Show all lines from the records below in which the string "mullion" is present.

> _INPUT_
※ ※ ※

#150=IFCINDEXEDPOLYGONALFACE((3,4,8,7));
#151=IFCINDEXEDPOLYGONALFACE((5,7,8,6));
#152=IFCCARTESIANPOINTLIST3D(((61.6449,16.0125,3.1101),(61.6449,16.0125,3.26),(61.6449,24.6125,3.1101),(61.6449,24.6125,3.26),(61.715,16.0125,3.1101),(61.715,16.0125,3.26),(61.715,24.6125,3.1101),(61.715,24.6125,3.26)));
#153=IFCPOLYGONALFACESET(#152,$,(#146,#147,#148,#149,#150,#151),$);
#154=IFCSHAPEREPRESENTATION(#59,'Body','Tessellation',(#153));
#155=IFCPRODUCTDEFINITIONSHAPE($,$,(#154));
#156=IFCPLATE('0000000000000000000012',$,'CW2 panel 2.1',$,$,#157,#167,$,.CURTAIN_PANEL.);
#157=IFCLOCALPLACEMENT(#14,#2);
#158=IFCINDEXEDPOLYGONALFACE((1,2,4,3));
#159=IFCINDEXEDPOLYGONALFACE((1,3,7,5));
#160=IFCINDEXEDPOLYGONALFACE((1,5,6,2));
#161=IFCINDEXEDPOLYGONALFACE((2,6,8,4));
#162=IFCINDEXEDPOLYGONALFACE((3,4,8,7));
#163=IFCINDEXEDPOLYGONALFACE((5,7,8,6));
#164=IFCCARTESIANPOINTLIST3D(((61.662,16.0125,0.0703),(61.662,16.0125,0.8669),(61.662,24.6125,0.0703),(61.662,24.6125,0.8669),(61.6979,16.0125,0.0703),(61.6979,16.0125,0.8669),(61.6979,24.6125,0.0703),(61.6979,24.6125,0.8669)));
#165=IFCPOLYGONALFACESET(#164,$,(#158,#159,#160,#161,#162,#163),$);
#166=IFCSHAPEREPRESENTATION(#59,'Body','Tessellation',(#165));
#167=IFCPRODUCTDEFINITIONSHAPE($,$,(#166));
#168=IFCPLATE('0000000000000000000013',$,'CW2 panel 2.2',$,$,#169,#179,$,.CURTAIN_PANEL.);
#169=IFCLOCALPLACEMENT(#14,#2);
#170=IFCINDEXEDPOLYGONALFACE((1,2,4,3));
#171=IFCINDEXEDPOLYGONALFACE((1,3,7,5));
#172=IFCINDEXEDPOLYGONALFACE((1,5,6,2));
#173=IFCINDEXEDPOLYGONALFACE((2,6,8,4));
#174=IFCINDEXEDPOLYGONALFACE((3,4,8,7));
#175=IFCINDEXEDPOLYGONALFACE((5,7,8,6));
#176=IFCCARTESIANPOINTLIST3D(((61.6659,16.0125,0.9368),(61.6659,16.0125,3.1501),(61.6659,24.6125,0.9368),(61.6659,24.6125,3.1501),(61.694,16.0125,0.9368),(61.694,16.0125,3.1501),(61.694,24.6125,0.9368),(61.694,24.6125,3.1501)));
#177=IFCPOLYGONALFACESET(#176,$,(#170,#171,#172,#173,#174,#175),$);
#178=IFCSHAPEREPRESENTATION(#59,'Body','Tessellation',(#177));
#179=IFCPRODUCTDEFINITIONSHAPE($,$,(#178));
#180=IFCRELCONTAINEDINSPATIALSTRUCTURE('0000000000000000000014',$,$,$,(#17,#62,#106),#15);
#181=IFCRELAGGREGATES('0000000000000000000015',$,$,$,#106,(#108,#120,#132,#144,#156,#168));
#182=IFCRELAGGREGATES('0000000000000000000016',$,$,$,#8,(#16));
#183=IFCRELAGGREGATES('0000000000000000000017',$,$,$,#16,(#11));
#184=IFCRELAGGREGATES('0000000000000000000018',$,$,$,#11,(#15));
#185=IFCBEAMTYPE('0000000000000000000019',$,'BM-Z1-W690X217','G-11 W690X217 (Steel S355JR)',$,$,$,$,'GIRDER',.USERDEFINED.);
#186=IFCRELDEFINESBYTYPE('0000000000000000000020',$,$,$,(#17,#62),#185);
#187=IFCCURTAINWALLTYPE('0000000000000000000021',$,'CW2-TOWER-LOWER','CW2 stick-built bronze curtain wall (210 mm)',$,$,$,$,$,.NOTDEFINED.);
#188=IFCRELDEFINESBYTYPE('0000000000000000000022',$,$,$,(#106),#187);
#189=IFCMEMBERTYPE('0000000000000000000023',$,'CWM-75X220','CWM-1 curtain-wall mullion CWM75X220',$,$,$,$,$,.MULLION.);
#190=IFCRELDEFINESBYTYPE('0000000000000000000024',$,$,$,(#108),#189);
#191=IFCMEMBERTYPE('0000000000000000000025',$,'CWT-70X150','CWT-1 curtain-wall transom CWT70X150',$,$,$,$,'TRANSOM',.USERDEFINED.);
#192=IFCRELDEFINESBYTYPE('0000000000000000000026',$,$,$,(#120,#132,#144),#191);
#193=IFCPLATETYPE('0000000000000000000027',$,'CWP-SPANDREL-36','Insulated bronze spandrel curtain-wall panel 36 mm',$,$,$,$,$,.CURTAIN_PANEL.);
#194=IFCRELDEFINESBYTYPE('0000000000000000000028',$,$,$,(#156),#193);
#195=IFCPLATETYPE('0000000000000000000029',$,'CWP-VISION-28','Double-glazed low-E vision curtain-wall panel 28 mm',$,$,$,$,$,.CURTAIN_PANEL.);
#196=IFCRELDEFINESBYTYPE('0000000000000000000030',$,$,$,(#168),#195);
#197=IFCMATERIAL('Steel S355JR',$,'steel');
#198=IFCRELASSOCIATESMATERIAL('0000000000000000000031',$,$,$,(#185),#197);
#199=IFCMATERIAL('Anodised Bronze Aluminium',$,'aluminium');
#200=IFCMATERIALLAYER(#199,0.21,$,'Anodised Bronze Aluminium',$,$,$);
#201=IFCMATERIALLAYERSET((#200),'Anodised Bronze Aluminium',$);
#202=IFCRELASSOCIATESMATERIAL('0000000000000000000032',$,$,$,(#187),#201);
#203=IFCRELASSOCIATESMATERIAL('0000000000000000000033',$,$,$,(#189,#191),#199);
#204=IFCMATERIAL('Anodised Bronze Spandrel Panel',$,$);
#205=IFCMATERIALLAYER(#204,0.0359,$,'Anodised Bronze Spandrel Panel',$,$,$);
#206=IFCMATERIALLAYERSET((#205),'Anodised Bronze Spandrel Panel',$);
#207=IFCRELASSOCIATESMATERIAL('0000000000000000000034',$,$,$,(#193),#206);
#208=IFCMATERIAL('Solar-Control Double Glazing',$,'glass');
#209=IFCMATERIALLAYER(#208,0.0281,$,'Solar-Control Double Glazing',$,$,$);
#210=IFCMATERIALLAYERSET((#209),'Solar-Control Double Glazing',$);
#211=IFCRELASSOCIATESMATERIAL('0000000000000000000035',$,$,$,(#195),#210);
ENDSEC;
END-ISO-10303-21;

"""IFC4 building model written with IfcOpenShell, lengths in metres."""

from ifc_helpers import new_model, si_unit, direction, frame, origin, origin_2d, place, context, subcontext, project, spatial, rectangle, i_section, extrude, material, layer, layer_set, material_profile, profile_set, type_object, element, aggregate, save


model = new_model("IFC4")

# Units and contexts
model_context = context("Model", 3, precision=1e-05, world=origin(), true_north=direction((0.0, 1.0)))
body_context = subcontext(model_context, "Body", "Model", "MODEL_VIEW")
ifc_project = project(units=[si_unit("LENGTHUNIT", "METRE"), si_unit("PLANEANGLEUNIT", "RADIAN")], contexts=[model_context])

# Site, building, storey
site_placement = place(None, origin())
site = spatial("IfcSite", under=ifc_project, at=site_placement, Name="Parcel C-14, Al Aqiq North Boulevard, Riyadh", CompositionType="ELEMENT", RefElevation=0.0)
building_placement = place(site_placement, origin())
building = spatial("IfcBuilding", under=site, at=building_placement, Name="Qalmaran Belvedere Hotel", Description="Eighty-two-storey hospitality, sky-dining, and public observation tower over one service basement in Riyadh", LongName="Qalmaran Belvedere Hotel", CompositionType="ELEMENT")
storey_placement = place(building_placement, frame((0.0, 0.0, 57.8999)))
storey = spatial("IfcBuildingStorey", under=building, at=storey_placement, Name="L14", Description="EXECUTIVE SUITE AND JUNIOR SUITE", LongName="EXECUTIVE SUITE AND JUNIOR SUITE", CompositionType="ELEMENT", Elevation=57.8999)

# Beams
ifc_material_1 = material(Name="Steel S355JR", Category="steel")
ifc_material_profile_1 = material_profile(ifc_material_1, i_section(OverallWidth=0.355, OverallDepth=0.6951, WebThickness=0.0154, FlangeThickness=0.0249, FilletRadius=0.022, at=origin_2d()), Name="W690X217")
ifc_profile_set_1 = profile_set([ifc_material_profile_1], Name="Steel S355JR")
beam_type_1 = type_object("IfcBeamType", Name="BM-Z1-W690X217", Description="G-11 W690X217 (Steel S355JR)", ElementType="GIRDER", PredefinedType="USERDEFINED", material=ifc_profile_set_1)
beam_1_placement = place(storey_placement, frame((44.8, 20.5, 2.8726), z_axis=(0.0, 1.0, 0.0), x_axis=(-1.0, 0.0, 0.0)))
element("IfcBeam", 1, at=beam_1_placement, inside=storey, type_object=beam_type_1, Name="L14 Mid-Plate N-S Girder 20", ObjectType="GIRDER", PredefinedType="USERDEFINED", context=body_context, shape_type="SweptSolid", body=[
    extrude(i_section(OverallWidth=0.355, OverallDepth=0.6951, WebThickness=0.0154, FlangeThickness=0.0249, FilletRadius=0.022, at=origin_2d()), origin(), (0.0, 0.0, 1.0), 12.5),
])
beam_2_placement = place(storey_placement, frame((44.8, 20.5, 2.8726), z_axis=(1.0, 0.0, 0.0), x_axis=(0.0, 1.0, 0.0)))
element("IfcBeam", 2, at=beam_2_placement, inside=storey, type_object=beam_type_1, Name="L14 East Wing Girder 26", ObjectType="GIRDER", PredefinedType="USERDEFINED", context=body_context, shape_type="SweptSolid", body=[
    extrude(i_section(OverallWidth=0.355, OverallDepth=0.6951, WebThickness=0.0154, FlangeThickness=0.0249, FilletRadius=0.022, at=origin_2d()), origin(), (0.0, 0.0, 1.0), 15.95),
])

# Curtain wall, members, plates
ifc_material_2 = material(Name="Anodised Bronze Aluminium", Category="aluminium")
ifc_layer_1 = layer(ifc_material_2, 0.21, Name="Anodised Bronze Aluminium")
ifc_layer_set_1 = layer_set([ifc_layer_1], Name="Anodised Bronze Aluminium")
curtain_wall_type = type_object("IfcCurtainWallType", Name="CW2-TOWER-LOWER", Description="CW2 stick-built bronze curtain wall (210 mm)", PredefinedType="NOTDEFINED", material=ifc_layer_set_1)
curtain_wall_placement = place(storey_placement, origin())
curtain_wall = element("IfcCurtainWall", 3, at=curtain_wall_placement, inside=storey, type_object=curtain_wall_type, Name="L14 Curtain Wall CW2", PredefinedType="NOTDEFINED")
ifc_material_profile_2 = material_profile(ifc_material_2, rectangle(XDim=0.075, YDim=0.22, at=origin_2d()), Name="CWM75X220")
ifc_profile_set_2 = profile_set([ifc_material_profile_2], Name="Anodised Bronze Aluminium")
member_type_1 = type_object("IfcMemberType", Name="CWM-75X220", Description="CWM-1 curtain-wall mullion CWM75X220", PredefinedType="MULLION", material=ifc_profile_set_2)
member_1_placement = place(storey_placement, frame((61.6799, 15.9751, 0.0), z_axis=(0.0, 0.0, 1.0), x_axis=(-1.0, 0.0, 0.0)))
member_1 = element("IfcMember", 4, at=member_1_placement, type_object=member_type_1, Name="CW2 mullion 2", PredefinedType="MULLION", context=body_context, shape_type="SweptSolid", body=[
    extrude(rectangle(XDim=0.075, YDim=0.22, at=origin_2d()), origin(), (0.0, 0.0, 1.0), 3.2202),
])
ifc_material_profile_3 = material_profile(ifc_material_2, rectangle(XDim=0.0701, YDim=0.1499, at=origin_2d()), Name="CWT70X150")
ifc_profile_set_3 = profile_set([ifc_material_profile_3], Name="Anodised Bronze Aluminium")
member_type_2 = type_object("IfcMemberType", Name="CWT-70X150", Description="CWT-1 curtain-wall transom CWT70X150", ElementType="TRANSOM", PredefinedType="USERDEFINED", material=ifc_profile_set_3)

※ ※ ※

> _THE COMPLETED TASK_
#189=IFCMEMBERTYPE('0000000000000000000023',$,'CWM-75X220','CWM-1 curtain-wall mullion CWM75X220',$,$,$,$,$,.MULLION.);
member_type_1 = type_object("IfcMemberType", Name="CWM-75X220", Description="CWM-1 curtain-wall mullion CWM75X220", PredefinedType="MULLION", material=ifc_profile_set_2)
member_1 = element("IfcMember", 4, at=member_1_placement, type_object=member_type_1, Name="CW2 mullion 2", PredefinedType="MULLION", context=body_context, shape_type="SweptSolid", body=[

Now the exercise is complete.